>>>

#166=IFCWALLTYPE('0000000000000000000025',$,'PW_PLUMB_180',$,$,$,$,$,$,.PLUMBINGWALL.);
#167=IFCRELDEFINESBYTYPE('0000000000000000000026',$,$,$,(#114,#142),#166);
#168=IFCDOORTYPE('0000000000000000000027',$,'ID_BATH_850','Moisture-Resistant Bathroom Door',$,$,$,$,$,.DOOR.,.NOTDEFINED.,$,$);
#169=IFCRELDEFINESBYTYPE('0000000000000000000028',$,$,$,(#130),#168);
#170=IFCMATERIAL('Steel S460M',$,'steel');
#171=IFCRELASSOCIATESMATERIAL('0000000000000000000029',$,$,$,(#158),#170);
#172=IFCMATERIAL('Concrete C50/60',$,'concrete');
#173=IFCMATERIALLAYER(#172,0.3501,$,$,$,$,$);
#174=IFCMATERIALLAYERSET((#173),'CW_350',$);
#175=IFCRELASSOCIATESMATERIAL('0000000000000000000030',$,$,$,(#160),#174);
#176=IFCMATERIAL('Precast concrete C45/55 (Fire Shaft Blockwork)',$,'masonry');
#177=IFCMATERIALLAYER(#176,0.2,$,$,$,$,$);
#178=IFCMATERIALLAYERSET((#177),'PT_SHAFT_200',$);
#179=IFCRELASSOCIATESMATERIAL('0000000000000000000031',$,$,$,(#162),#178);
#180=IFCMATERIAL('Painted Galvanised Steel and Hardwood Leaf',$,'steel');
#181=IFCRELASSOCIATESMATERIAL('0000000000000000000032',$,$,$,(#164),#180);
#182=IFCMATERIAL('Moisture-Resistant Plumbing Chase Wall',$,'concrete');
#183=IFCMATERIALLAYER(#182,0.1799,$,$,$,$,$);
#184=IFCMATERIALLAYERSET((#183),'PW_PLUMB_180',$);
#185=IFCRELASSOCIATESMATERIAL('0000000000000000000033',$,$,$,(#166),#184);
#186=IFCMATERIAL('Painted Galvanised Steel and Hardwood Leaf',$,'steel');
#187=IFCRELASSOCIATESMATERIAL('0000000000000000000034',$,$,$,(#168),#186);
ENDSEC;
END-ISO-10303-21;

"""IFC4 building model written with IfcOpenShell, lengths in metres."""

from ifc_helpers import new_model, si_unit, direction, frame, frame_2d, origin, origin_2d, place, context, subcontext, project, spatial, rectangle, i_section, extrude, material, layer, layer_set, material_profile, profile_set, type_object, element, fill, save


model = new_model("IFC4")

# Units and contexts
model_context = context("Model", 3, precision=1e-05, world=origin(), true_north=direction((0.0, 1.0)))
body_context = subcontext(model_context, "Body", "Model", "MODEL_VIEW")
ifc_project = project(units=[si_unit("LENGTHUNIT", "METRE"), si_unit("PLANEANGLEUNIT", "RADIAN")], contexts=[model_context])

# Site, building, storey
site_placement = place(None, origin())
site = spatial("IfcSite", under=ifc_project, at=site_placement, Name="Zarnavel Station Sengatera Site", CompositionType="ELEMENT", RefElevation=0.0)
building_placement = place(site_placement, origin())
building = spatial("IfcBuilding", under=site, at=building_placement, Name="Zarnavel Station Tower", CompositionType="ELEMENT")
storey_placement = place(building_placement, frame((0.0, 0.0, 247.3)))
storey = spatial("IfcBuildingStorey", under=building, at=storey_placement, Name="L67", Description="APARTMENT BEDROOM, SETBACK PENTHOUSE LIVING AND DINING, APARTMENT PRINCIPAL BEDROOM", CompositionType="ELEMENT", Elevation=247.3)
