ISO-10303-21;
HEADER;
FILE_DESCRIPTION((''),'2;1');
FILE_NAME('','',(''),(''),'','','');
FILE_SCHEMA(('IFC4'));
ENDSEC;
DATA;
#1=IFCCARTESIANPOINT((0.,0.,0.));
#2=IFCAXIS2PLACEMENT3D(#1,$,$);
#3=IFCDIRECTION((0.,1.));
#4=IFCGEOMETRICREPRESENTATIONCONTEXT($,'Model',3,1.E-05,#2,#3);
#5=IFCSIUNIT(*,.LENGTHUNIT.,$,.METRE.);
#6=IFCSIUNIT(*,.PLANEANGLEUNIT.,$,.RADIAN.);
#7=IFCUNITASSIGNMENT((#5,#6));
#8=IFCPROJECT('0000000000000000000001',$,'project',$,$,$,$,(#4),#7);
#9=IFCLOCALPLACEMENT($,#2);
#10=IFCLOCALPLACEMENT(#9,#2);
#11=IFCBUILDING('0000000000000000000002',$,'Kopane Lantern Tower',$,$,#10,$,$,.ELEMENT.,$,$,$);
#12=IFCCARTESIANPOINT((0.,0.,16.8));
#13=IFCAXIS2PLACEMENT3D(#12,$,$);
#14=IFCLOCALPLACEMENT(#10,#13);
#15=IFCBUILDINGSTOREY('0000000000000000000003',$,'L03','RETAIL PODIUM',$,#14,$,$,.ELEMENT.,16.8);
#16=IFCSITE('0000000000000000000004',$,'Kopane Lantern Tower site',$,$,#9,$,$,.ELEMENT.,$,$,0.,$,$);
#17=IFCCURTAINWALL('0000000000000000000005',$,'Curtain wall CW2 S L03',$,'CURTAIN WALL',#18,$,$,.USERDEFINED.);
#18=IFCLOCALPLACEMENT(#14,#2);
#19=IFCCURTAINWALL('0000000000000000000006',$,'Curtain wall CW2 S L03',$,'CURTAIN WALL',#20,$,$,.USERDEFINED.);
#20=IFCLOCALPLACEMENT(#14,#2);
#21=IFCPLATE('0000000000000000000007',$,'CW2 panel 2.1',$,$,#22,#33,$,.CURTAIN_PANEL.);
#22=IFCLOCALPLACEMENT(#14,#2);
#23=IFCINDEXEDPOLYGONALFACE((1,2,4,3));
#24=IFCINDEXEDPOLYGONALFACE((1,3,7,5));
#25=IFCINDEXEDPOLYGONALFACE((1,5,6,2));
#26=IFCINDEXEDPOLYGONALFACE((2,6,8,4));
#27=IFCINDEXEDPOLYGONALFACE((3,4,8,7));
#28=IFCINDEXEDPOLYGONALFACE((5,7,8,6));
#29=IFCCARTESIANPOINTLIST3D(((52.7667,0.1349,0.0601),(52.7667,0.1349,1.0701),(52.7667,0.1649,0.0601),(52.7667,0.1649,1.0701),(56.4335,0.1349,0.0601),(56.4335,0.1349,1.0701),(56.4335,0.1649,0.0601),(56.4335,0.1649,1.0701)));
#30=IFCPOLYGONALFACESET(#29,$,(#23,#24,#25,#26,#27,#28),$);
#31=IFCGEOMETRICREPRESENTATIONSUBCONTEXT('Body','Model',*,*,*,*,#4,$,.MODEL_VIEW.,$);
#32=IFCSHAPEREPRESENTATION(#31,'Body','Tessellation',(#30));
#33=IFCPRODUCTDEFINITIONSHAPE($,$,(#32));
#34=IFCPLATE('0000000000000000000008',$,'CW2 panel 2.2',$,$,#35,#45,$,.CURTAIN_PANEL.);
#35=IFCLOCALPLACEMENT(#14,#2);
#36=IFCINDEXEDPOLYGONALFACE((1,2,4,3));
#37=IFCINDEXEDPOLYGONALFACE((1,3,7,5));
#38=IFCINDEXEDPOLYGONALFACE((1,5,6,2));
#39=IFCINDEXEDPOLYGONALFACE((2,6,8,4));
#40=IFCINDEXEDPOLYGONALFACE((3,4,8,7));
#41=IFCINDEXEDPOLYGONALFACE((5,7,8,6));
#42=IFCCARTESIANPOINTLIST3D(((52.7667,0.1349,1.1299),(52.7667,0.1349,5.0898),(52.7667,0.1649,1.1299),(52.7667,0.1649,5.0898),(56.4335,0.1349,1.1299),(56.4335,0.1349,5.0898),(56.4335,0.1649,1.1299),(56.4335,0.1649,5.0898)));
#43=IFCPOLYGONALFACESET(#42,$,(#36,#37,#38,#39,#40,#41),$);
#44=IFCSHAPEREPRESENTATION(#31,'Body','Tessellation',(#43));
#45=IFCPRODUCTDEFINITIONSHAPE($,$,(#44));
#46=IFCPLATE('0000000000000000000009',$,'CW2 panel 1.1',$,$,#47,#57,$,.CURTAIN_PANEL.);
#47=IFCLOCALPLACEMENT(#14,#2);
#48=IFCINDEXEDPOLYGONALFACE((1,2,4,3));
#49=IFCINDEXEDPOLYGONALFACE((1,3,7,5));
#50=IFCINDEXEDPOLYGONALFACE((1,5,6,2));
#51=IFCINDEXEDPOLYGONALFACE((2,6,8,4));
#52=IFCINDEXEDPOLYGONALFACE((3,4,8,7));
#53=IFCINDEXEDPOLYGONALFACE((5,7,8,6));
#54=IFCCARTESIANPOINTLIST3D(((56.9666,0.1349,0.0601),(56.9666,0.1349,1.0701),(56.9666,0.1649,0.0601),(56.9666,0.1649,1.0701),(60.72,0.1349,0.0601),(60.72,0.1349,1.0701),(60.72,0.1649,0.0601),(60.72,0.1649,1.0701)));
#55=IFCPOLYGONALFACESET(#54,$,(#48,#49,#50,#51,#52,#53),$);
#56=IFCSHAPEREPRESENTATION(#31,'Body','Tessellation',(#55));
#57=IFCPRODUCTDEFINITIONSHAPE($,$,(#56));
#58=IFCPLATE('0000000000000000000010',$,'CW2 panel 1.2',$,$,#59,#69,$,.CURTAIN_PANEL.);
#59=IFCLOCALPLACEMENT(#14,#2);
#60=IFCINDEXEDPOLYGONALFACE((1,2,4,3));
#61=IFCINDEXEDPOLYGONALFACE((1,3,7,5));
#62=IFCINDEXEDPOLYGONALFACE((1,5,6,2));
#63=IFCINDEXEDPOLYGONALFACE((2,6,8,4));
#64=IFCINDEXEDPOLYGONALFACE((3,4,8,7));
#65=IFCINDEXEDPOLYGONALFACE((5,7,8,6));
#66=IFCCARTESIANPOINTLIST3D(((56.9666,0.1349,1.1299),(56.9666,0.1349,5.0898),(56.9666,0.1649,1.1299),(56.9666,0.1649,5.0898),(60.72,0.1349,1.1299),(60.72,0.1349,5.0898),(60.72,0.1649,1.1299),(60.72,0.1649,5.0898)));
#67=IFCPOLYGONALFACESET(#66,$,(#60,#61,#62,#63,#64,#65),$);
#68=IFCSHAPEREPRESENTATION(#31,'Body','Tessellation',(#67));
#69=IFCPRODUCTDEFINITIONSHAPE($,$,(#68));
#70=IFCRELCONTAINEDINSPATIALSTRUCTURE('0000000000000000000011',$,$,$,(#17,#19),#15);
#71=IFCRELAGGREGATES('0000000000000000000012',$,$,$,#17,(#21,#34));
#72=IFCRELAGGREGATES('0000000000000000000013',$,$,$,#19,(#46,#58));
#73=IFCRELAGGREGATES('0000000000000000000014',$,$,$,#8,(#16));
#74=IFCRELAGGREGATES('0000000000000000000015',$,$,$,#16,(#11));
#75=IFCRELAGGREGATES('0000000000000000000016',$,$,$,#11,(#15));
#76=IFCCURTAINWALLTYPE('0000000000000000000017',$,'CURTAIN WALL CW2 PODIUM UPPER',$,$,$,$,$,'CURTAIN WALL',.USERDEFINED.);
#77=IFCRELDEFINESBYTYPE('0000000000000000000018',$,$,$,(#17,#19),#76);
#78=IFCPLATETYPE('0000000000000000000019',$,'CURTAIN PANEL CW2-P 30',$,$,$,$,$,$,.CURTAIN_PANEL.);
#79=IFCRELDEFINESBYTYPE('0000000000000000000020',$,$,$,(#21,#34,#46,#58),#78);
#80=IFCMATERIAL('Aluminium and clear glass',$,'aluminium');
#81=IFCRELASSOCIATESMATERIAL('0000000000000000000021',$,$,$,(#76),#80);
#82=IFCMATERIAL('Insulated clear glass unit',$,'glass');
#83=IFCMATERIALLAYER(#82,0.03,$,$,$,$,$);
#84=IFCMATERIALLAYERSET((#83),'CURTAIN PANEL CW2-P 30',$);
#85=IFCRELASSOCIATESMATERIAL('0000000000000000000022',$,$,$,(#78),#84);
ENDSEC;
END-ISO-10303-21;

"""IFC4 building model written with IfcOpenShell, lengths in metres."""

from ifc_helpers import new_model, si_unit, direction, frame, origin, origin_2d, place, context, subcontext, project, spatial, rectangle, extrude, material, layer, layer_set, type_object, element, aggregate, save


model = new_model("IFC4")

# Units and contexts
model_context = context("Model", 3, precision=1e-05, world=origin(), true_north=direction((0.0, 1.0)))
body_context = subcontext(model_context, "Body", "Model", "MODEL_VIEW")
ifc_project = project(units=[si_unit("LENGTHUNIT", "METRE"), si_unit("PLANEANGLEUNIT", "RADIAN")], contexts=[model_context])

# Site, building, storey
site_placement = place(None, origin())
site = spatial("IfcSite", under=ifc_project, at=site_placement, Name="Kopane Lantern Tower site", CompositionType="ELEMENT", RefElevation=0.0)
building_placement = place(site_placement, origin())
building = spatial("IfcBuilding", under=site, at=building_placement, Name="Kopane Lantern Tower", CompositionType="ELEMENT")
storey_placement = place(building_placement, frame((0.0, 0.0, 16.8)))
storey = spatial("IfcBuildingStorey", under=building, at=storey_placement, Name="L03", Description="RETAIL PODIUM", CompositionType="ELEMENT", Elevation=16.8)

# Curtain wall
ifc_material_1 = material(Name="Aluminium and clear glass", Category="aluminium")
curtain_wall_type = type_object("IfcCurtainWallType", Name="CURTAIN WALL CW2 PODIUM UPPER", ElementType="CURTAIN WALL", PredefinedType="USERDEFINED", material=ifc_material_1)
curtain_wall_1_placement = place(storey_placement, origin())
curtain_wall_1 = element("IfcCurtainWall", 1, at=curtain_wall_1_placement, inside=storey, type_object=curtain_wall_type, Name="Curtain wall CW2 S L03", ObjectType="CURTAIN WALL", PredefinedType="USERDEFINED")

# Curtain wall
curtain_wall_2_placement = place(storey_placement, origin())
curtain_wall_2 = element("IfcCurtainWall", 2, at=curtain_wall_2_placement, inside=storey, type_object=curtain_wall_type, Name="Curtain wall CW2 S L03", ObjectType="CURTAIN WALL", PredefinedType="USERDEFINED")

# Plates
ifc_material_2 = material(Name="Insulated clear glass unit", Category="glass")
ifc_layer = layer(ifc_material_2, 0.03)
ifc_layer_set = layer_set([ifc_layer], Name="CURTAIN PANEL CW2-P 30")
plate_type = type_object("IfcPlateType", Name="CURTAIN PANEL CW2-P 30", PredefinedType="CURTAIN_PANEL", material=ifc_layer_set)
plate_1_placement = place(storey_placement, frame((54.6001, 0.1499, 0.0601), z_axis=(0.0, 0.0, 1.0), x_axis=(1.0, 0.0, 0.0)))
plate_1 = element("IfcPlate", 3, at=plate_1_placement, type_object=plate_type, Name="CW2 panel 2.1", PredefinedType="CURTAIN_PANEL", context=body_context, shape_type="SweptSolid", body=[
    extrude(rectangle(XDim=3.6667, YDim=0.03, at=origin_2d()), origin(), (0.0, 0.0, 1.0), 1.01),
])
plate_2_placement = place(storey_placement, frame((54.6001, 0.1499, 1.1299), z_axis=(0.0, 0.0, 1.0), x_axis=(1.0, 0.0, 0.0)))
plate_2 = element("IfcPlate", 4, at=plate_2_placement, type_object=plate_type, Name="CW2 panel 2.2", PredefinedType="CURTAIN_PANEL", context=body_context, shape_type="SweptSolid", body=[
    extrude(rectangle(XDim=3.6667, YDim=0.03, at=origin_2d()), origin(), (0.0, 0.0, 1.0), 3.96),
])
aggregate(curtain_wall_1, [plate_1, plate_2])
plate_3_placement = place(storey_placement, frame((58.8433, 0.1499, 0.0601), z_axis=(0.0, 0.0, 1.0), x_axis=(1.0, 0.0, 0.0)))
plate_3 = element("IfcPlate", 5, at=plate_3_placement, type_object=plate_type, Name="CW2 panel 1.1", PredefinedType="CURTAIN_PANEL", context=body_context, shape_type="SweptSolid", body=[
    extrude(rectangle(XDim=3.7534, YDim=0.03, at=origin_2d()), origin(), (0.0, 0.0, 1.0), 1.01),
])
plate_4_placement = place(storey_placement, frame((58.8433, 0.1499, 1.1299), z_axis=(0.0, 0.0, 1.0), x_axis=(1.0, 0.0, 0.0)))
plate_4 = element("IfcPlate", 6, at=plate_4_placement, type_object=plate_type, Name="CW2 panel 1.2", PredefinedType="CURTAIN_PANEL", context=body_context, shape_type="SweptSolid", body=[
    extrude(rectangle(XDim=3.7534, YDim=0.03, at=origin_2d()), origin(), (0.0, 0.0, 1.0), 3.96),
])
aggregate(curtain_wall_2, [plate_3, plate_4])

save(model, "model.ifc")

<<<

**Brief**
Among the lines above, find those that contain the word "IFCRELDEFINESBYTYPE" and copy them.

**Solution to the problem**
#167=IFCRELDEFINESBYTYPE('0000000000000000000026',$,$,$,(#114,#142),#166);
#169=IFCRELDEFINESBYTYPE('0000000000000000000028',$,$,$,(#130),#168);
#77=IFCRELDEFINESBYTYPE('0000000000000000000018',$,$,$,(#17,#19),#76);
#79=IFCRELDEFINESBYTYPE('0000000000000000000020',$,$,$,(#21,#34,#46,#58),#78);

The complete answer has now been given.